▶ **Problem to work on**
Could you say how many lines in the records include "MULL"? Please give the number by itself.

▶ **Data**
☆ ☆ ☆ ☆
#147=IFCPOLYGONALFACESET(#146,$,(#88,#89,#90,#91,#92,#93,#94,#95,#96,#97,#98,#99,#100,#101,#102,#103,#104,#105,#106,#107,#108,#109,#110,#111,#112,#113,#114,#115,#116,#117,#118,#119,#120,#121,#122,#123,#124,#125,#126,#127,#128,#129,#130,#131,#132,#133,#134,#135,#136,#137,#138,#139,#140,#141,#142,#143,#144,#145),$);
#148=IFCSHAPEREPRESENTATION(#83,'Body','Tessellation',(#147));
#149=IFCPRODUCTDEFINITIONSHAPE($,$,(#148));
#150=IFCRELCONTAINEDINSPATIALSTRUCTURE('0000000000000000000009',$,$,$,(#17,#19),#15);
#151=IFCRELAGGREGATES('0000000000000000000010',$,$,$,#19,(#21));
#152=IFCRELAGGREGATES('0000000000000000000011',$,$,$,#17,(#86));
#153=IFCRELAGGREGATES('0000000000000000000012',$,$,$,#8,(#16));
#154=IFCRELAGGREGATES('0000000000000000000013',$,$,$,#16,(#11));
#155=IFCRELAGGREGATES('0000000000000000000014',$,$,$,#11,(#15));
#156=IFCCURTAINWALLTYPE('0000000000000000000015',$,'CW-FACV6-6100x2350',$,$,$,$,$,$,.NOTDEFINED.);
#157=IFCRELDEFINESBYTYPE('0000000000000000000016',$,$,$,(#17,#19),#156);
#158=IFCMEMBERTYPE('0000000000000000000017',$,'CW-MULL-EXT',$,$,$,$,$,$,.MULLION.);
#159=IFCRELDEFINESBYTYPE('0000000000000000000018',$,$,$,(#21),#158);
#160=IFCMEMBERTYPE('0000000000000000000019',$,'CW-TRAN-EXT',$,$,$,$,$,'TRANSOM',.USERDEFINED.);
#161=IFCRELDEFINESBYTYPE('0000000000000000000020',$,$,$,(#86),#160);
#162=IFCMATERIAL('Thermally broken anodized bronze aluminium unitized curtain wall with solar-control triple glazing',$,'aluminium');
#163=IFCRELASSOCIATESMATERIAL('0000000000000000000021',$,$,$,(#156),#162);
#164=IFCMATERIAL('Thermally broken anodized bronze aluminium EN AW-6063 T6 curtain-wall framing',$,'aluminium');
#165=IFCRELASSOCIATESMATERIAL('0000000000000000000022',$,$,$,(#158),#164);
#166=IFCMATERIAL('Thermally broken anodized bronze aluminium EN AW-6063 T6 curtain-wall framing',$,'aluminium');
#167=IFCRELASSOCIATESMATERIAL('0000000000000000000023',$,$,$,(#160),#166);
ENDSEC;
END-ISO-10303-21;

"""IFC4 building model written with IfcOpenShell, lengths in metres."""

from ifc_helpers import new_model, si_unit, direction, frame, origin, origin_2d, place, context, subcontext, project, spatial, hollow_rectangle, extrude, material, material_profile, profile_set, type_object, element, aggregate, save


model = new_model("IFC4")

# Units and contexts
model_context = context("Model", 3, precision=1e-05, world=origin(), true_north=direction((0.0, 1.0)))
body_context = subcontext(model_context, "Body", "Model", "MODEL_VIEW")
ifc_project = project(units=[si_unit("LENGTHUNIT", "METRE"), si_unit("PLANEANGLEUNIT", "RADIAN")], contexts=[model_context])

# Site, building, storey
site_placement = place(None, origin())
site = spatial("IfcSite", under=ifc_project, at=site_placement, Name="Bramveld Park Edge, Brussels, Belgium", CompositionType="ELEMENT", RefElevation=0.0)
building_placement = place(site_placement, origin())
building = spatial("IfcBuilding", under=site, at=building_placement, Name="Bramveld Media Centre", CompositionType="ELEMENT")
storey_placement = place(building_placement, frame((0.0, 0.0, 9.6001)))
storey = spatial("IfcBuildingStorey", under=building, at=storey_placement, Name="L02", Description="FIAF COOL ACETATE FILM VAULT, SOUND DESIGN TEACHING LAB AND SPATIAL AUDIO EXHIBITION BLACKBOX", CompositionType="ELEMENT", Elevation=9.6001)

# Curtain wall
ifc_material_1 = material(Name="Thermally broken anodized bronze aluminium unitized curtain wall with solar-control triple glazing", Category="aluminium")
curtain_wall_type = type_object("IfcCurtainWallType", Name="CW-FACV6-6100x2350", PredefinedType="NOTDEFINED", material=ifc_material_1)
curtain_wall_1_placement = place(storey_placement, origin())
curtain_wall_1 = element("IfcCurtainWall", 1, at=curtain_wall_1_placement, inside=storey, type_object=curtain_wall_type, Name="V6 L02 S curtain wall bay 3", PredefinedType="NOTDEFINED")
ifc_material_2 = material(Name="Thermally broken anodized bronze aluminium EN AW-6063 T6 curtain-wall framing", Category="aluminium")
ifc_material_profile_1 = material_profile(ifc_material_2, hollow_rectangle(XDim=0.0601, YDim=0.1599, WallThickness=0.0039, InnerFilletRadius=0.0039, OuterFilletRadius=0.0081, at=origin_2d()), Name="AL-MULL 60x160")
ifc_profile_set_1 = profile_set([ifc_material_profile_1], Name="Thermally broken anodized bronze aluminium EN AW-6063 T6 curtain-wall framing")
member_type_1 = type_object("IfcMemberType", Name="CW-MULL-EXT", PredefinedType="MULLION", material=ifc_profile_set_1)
☆ ☆ ☆ ☆
▶ **Completed task**
3